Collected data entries

• • • • • • •

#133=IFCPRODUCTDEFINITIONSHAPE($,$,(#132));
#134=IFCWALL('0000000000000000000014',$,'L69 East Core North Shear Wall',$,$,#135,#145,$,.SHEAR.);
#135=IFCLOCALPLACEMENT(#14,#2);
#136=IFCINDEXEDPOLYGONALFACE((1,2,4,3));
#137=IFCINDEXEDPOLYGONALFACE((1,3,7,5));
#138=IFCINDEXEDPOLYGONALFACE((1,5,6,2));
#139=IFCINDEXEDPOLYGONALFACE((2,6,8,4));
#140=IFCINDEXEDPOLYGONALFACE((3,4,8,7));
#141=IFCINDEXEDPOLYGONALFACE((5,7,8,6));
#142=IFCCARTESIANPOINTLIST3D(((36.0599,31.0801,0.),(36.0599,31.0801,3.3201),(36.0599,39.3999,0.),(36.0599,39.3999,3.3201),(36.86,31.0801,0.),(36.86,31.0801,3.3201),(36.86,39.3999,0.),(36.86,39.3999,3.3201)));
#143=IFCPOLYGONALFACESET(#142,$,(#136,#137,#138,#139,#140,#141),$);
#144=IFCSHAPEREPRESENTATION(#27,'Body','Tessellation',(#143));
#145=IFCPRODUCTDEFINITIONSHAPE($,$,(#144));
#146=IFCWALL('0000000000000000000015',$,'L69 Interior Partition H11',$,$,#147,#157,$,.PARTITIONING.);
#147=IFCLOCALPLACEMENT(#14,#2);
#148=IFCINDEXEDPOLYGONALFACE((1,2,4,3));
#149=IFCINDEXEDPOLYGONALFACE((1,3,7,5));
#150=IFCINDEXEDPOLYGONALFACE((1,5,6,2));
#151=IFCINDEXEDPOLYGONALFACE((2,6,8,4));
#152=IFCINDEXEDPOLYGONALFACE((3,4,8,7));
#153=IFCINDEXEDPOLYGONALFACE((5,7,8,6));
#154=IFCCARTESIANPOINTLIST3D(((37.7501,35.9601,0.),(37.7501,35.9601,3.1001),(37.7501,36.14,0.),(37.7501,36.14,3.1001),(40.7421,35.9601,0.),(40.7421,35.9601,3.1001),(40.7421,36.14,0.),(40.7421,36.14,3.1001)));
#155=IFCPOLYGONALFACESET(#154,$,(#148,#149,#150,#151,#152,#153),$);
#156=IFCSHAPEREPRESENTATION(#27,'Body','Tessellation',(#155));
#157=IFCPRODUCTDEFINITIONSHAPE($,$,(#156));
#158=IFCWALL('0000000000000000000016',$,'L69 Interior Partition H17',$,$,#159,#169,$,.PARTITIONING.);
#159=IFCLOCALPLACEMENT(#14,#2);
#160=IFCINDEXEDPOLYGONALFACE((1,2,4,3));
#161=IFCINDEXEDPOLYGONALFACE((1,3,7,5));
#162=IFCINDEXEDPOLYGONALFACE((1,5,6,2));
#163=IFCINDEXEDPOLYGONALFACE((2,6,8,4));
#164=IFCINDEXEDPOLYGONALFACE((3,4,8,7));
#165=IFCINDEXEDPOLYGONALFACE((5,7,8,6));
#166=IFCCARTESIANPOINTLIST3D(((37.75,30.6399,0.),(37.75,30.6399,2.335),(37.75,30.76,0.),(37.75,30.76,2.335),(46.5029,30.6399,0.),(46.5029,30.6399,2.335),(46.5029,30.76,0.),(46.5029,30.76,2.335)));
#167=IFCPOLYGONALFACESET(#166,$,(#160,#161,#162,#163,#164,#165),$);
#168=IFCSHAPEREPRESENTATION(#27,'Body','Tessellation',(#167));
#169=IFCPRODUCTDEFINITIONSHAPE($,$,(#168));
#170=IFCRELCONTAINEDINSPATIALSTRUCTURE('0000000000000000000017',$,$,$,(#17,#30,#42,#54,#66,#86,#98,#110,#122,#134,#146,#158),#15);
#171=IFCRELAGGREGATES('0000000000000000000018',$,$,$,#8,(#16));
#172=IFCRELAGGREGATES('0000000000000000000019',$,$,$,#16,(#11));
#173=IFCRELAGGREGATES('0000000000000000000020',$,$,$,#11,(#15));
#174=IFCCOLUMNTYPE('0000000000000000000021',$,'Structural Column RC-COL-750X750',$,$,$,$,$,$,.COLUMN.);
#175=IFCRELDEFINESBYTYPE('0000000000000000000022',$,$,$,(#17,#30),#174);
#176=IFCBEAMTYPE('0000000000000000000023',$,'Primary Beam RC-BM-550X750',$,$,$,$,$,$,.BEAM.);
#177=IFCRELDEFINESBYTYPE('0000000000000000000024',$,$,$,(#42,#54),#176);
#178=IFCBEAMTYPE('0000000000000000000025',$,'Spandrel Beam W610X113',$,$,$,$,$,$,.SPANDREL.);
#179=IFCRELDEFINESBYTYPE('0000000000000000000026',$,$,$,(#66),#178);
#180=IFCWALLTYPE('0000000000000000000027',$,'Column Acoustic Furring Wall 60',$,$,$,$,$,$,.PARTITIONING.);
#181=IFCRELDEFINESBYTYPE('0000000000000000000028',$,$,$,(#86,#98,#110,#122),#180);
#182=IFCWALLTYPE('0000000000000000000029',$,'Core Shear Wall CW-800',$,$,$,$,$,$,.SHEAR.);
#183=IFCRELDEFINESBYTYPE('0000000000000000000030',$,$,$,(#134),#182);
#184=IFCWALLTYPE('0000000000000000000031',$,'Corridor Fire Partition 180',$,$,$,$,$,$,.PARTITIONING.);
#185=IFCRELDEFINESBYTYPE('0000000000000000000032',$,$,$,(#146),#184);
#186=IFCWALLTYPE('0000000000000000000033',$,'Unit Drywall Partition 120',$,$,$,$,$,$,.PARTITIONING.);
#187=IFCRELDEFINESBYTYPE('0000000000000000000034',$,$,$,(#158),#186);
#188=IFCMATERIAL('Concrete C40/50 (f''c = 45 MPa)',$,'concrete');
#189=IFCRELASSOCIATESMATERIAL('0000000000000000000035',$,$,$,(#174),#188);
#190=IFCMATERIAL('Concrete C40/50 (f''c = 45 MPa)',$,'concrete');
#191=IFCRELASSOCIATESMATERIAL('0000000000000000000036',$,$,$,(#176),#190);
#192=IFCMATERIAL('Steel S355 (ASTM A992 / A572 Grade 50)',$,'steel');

• • • • • • •

Every entry above needs to be quoted exactly.

#133=IFCPRODUCTDEFINITIONSHAPE($,$,(#132));
#134=IFCWALL('0000000000000000000014',$,'L69 East Core North Shear Wall',$,$,#135,#145,$,.SHEAR.);
#135=IFCLOCALPLACEMENT(#14,#2);
#136=IFCINDEXEDPOLYGONALFACE((1,2,4,3));
#137=IFCINDEXEDPOLYGONALFACE((1,3,7,5));
#138=IFCINDEXEDPOLYGONALFACE((1,5,6,2));
#139=IFCINDEXEDPOLYGONALFACE((2,6,8,4));
#140=IFCINDEXEDPOLYGONALFACE((3,4,8,7));
#141=IFCINDEXEDPOLYGONALFACE((5,7,8,6));
#142=IFCCARTESIANPOINTLIST3D(((36.0599,31.0801,0.),(36.0599,31.0801,3.3201),(36.0599,39.3999,0.),(36.0599,39.3999,3.3201),(36.86,31.0801,0.),(36.86,31.0801,3.3201),(36.86,39.3999,0.),(36.86,39.3999,3.3201)));
#143=IFCPOLYGONALFACESET(#142,$,(#136,#137,#138,#139,#140,#141),$);
#144=IFCSHAPEREPRESENTATION(#27,'Body','Tessellation',(#143));
#145=IFCPRODUCTDEFINITIONSHAPE($,$,(#144));
#146=IFCWALL('0000000000000000000015',$,'L69 Interior Partition H11',$,$,#147,#157,$,.PARTITIONING.);
#147=IFCLOCALPLACEMENT(#14,#2);
#148=IFCINDEXEDPOLYGONALFACE((1,2,4,3));
#149=IFCINDEXEDPOLYGONALFACE((1,3,7,5));
#150=IFCINDEXEDPOLYGONALFACE((1,5,6,2));
#151=IFCINDEXEDPOLYGONALFACE((2,6,8,4));
#152=IFCINDEXEDPOLYGONALFACE((3,4,8,7));
#153=IFCINDEXEDPOLYGONALFACE((5,7,8,6));
#154=IFCCARTESIANPOINTLIST3D(((37.7501,35.9601,0.),(37.7501,35.9601,3.1001),(37.7501,36.14,0.),(37.7501,36.14,3.1001),(40.7421,35.9601,0.),(40.7421,35.9601,3.1001),(40.7421,36.14,0.),(40.7421,36.14,3.1001)));
#155=IFCPOLYGONALFACESET(#154,$,(#148,#149,#150,#151,#152,#153),$);
#156=IFCSHAPEREPRESENTATION(#27,'Body','Tessellation',(#155));
#157=IFCPRODUCTDEFINITIONSHAPE($,$,(#156));
#158=IFCWALL('0000000000000000000016',$,'L69 Interior Partition H17',$,$,#159,#169,$,.PARTITIONING.);
#159=IFCLOCALPLACEMENT(#14,#2);
#160=IFCINDEXEDPOLYGONALFACE((1,2,4,3));
#161=IFCINDEXEDPOLYGONALFACE((1,3,7,5));
#162=IFCINDEXEDPOLYGONALFACE((1,5,6,2));
#163=IFCINDEXEDPOLYGONALFACE((2,6,8,4));
#164=IFCINDEXEDPOLYGONALFACE((3,4,8,7));
#165=IFCINDEXEDPOLYGONALFACE((5,7,8,6));
#166=IFCCARTESIANPOINTLIST3D(((37.75,30.6399,0.),(37.75,30.6399,2.335),(37.75,30.76,0.),(37.75,30.76,2.335),(46.5029,30.6399,0.),(46.5029,30.6399,2.335),(46.5029,30.76,0.),(46.5029,30.76,2.335)));
#167=IFCPOLYGONALFACESET(#166,$,(#160,#161,#162,#163,#164,#165),$);
#168=IFCSHAPEREPRESENTATION(#27,'Body','Tessellation',(#167));
#169=IFCPRODUCTDEFINITIONSHAPE($,$,(#168));
#170=IFCRELCONTAINEDINSPATIALSTRUCTURE('0000000000000000000017',$,$,$,(#17,#30,#42,#54,#66,#86,#98,#110,#122,#134,#146,#158),#15);
#171=IFCRELAGGREGATES('0000000000000000000018',$,$,$,#8,(#16));
#172=IFCRELAGGREGATES('0000000000000000000019',$,$,$,#16,(#11));
#173=IFCRELAGGREGATES('0000000000000000000020',$,$,$,#11,(#15));
#174=IFCCOLUMNTYPE('0000000000000000000021',$,'Structural Column RC-COL-750X750',$,$,$,$,$,$,.COLUMN.);
#175=IFCRELDEFINESBYTYPE('0000000000000000000022',$,$,$,(#17,#30),#174);
#176=IFCBEAMTYPE('0000000000000000000023',$,'Primary Beam RC-BM-550X750',$,$,$,$,$,$,.BEAM.);
#177=IFCRELDEFINESBYTYPE('0000000000000000000024',$,$,$,(#42,#54),#176);
#178=IFCBEAMTYPE('0000000000000000000025',$,'Spandrel Beam W610X113',$,$,$,$,$,$,.SPANDREL.);
#179=IFCRELDEFINESBYTYPE('0000000000000000000026',$,$,$,(#66),#178);
#180=IFCWALLTYPE('0000000000000000000027',$,'Column Acoustic Furring Wall 60',$,$,$,$,$,$,.PARTITIONING.);
#181=IFCRELDEFINESBYTYPE('0000000000000000000028',$,$,$,(#86,#98,#110,#122),#180);
#182=IFCWALLTYPE('0000000000000000000029',$,'Core Shear Wall CW-800',$,$,$,$,$,$,.SHEAR.);
#183=IFCRELDEFINESBYTYPE('0000000000000000000030',$,$,$,(#134),#182);
#184=IFCWALLTYPE('0000000000000000000031',$,'Corridor Fire Partition 180',$,$,$,$,$,$,.PARTITIONING.);
#185=IFCRELDEFINESBYTYPE('0000000000000000000032',$,$,$,(#146),#184);
#186=IFCWALLTYPE('0000000000000000000033',$,'Unit Drywall Partition 120',$,$,$,$,$,$,.PARTITIONING.);
#187=IFCRELDEFINESBYTYPE('0000000000000000000034',$,$,$,(#158),#186);
#188=IFCMATERIAL('Concrete C40/50 (f''c = 45 MPa)',$,'concrete');
#189=IFCRELASSOCIATESMATERIAL('0000000000000000000035',$,$,$,(#174),#188);
#190=IFCMATERIAL('Concrete C40/50 (f''c = 45 MPa)',$,'concrete');
#191=IFCRELASSOCIATESMATERIAL('0000000000000000000036',$,$,$,(#176),#190);
#192=IFCMATERIAL('Steel S355 (ASTM A992 / A572 Grade 50)',$,'steel');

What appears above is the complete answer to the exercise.